PROBLEM TO WORK ON:
Once the line holding "opening in that" is found in the listing below, write it out and each later line exactly, up to and including the one holding "return made_of(e, material)".

DATA UNDER STUDY:
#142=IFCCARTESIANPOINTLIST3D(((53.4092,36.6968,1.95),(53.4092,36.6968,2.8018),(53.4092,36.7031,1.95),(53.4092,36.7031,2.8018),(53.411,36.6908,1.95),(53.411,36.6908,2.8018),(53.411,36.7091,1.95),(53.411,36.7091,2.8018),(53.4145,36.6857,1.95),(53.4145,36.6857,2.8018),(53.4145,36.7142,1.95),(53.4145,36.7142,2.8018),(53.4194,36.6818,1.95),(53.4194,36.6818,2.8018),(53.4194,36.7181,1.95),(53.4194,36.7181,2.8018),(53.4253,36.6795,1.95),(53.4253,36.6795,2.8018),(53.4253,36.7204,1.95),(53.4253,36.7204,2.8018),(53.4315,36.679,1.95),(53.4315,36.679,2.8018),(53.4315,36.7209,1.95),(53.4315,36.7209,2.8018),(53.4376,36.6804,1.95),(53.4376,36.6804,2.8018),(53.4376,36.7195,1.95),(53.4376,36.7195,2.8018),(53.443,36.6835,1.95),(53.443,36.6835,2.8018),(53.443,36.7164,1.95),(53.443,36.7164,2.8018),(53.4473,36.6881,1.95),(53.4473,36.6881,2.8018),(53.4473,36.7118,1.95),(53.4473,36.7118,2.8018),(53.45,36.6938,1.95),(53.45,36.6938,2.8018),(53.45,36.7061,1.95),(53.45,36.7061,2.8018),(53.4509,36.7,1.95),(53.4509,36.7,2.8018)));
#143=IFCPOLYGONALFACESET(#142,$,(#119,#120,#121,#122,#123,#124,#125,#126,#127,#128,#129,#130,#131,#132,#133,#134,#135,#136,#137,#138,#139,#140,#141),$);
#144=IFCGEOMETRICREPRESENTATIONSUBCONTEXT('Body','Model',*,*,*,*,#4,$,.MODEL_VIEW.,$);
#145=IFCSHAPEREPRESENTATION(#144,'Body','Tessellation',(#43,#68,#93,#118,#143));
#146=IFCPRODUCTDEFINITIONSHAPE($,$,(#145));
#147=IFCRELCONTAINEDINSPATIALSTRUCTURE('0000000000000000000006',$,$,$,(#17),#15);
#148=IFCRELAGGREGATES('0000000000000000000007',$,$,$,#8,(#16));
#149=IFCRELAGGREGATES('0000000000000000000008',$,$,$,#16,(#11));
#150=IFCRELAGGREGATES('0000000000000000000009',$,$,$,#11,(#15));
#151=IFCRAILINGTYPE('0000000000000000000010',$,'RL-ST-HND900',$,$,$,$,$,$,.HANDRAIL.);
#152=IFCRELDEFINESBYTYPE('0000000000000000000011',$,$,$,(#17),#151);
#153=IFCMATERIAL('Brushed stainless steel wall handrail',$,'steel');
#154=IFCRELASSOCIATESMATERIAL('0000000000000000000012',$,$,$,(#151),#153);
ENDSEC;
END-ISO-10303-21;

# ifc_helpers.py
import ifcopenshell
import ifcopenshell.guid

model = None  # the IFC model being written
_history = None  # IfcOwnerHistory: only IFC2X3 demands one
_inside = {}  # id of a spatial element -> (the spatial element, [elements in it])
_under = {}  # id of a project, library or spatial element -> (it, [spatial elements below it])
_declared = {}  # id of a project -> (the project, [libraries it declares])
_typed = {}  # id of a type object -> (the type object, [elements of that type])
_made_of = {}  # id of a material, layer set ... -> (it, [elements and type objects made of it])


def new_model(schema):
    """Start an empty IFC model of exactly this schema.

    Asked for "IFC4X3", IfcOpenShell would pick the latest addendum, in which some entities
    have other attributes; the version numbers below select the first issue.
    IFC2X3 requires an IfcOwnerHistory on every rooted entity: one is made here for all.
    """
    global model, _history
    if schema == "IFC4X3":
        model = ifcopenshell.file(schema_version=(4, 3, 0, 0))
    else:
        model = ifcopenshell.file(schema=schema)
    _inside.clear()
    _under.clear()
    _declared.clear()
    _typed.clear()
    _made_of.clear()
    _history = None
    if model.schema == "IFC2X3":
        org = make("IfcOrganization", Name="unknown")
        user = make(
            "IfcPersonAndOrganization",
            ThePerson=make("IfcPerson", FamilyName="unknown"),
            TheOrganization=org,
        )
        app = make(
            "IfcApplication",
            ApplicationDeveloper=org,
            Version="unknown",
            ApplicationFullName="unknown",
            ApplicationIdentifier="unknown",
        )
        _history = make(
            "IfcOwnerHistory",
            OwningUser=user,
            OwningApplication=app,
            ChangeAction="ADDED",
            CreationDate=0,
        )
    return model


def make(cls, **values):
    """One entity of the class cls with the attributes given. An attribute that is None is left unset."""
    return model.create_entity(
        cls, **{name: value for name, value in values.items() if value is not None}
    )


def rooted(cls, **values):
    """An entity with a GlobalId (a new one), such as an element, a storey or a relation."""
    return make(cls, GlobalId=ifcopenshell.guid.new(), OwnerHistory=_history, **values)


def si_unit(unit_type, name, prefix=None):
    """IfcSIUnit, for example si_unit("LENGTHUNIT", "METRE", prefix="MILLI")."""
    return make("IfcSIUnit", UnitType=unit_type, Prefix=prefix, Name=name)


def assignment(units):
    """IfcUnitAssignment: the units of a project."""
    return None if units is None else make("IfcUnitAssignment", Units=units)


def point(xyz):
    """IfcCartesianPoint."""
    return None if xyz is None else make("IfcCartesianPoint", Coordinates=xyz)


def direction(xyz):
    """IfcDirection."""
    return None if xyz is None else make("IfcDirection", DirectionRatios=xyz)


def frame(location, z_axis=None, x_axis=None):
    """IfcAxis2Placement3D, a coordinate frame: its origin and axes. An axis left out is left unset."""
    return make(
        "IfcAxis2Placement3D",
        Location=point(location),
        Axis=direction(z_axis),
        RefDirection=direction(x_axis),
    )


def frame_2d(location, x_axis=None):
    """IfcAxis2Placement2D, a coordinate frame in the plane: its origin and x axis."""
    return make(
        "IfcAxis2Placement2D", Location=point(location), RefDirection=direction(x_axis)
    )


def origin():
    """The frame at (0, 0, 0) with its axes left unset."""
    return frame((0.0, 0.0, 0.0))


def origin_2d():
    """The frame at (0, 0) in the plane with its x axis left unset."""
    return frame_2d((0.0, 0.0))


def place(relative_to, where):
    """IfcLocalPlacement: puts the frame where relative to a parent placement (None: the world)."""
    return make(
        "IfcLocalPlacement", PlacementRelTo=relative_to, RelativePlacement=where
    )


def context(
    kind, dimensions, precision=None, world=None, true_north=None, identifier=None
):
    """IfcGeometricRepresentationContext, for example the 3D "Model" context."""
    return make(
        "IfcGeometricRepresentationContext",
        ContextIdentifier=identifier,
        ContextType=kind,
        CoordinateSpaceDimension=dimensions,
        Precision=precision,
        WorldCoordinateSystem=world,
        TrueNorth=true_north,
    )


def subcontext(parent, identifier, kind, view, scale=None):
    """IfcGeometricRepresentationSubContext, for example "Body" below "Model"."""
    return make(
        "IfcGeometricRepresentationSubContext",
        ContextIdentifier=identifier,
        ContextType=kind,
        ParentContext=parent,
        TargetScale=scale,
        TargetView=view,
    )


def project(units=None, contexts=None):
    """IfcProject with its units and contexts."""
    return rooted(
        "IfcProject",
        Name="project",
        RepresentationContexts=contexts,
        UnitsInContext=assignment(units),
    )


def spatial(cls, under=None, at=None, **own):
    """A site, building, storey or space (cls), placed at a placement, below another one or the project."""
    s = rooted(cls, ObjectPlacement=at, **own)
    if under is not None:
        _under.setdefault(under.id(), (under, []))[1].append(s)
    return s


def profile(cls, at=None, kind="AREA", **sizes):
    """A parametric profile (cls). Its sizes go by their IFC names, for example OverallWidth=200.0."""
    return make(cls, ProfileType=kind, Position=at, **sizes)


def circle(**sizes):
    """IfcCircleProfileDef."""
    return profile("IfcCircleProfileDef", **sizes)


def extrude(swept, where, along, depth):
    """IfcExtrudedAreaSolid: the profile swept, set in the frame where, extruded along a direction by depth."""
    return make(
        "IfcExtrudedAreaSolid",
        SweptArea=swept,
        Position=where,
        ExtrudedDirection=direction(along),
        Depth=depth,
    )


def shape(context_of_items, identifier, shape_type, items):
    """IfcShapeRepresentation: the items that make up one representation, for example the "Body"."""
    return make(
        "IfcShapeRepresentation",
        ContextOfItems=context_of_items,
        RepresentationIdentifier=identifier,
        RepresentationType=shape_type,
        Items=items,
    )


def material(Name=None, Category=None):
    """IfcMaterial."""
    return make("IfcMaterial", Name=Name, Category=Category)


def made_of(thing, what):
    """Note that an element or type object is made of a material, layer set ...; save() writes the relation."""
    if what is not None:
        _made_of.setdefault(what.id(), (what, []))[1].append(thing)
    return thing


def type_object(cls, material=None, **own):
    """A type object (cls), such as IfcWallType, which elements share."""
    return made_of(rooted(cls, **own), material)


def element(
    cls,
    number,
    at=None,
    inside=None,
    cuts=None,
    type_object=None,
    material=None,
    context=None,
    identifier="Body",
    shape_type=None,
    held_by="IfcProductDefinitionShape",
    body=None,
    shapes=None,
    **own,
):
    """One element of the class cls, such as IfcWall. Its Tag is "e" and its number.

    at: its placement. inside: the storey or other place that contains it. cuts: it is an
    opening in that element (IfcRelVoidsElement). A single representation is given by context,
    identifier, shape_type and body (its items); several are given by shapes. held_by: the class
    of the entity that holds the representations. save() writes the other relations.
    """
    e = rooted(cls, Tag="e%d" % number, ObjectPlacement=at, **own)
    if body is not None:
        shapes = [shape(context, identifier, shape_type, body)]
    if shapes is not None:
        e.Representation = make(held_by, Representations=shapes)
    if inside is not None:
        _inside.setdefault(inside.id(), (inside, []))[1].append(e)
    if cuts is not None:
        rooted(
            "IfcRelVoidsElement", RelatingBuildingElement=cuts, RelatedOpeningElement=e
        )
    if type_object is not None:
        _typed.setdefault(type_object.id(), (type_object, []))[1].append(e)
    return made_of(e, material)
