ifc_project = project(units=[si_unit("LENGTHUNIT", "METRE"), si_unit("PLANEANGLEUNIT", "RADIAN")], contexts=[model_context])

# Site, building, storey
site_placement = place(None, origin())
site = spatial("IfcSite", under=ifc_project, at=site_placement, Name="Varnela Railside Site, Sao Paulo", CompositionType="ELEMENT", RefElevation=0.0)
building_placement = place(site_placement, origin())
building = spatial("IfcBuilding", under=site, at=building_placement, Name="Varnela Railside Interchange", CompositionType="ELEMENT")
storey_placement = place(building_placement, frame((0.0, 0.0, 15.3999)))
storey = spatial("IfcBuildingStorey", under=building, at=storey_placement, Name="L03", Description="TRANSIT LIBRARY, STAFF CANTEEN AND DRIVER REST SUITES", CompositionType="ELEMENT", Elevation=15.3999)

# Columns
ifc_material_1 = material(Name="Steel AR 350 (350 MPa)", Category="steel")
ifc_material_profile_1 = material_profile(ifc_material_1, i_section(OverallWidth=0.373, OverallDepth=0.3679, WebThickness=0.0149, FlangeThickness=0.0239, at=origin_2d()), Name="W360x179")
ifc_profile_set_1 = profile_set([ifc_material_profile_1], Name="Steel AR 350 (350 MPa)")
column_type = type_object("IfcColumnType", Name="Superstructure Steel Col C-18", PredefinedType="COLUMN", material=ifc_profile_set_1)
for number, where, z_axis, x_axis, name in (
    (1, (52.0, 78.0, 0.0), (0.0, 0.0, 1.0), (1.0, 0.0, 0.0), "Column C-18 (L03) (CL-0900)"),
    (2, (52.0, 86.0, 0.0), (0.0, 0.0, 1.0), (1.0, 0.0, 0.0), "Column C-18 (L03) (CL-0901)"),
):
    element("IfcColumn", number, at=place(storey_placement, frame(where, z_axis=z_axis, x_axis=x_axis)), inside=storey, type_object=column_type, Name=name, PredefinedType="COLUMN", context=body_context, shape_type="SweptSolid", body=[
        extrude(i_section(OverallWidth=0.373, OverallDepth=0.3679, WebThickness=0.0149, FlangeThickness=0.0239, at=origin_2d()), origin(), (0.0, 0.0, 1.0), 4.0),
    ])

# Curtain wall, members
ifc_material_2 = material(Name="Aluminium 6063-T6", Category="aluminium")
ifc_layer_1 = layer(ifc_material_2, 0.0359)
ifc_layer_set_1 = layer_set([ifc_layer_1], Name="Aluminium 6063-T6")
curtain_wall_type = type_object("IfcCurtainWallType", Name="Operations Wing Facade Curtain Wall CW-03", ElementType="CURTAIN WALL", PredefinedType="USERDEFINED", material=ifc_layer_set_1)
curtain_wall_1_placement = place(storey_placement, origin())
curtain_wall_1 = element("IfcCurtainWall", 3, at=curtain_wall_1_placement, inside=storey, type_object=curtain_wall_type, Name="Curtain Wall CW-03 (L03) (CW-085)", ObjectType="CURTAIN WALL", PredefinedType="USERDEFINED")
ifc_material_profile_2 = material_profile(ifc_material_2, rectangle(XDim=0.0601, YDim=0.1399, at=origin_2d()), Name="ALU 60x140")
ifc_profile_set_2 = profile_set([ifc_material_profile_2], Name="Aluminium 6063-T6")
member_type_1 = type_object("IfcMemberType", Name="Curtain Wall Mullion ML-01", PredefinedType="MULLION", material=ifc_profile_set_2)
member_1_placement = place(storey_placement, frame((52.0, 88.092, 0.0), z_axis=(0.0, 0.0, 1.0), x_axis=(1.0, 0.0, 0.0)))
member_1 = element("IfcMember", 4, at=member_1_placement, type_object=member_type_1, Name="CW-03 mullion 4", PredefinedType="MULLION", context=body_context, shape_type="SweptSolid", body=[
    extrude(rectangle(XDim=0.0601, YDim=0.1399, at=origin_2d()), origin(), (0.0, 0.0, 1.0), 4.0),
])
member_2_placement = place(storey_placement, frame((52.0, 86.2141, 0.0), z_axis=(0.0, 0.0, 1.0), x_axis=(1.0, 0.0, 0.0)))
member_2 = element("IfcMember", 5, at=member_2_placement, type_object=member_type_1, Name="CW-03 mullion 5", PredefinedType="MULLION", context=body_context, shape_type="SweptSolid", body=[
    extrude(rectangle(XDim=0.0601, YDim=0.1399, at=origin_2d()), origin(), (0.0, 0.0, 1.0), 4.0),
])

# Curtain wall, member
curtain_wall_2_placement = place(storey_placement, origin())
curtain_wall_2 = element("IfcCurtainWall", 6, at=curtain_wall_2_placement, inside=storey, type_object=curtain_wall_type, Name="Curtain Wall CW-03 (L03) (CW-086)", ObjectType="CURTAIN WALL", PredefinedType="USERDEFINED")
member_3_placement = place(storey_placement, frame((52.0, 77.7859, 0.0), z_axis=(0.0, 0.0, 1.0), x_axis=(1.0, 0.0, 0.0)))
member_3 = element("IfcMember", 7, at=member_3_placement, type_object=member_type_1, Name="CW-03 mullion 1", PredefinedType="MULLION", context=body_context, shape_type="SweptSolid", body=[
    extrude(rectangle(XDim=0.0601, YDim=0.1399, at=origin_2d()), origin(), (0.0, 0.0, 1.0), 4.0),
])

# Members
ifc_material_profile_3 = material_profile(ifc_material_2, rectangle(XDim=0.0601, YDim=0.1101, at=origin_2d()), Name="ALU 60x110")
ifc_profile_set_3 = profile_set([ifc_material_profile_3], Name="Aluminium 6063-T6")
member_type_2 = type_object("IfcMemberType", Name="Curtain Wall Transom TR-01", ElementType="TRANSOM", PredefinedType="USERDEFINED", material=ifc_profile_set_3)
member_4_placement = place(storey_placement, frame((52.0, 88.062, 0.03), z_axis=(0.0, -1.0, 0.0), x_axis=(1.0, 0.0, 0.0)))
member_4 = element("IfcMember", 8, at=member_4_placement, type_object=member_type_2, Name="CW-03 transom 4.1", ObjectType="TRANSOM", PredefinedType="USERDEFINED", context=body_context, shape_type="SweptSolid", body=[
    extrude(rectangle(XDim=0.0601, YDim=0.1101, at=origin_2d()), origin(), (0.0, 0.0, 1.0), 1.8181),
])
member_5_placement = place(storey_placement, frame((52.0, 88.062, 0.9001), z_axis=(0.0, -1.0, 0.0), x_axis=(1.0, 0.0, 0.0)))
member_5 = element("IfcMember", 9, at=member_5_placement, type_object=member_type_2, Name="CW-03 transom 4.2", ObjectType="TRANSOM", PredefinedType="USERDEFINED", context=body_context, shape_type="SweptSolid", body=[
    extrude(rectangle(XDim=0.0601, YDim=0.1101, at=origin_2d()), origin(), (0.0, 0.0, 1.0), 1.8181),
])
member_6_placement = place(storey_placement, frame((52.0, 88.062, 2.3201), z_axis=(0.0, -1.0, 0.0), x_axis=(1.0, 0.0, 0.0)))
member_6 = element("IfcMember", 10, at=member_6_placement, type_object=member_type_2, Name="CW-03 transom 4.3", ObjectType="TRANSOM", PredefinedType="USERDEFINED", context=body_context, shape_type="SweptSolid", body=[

OUTPUT FOR THIS TASK:
    opening in that element (IfcRelVoidsElement). A single representation is given by context,
    identifier, shape_type and body (its items); several are given by shapes. held_by: the class
    of the entity that holds the representations. save() writes the other relations.
    """
    e = rooted(cls, Tag="e%d" % number, ObjectPlacement=at, **own)
    if body is not None:
        shapes = [shape(context, identifier, shape_type, body)]
    if shapes is not None:
        e.Representation = make(held_by, Representations=shapes)
    if inside is not None:
        _inside.setdefault(inside.id(), (inside, []))[1].append(e)
    if cuts is not None:
        rooted(
            "IfcRelVoidsElement", RelatingBuildingElement=cuts, RelatedOpeningElement=e
        )
    if type_object is not None:
        _typed.setdefault(type_object.id(), (type_object, []))[1].append(e)
    return made_of(e, material)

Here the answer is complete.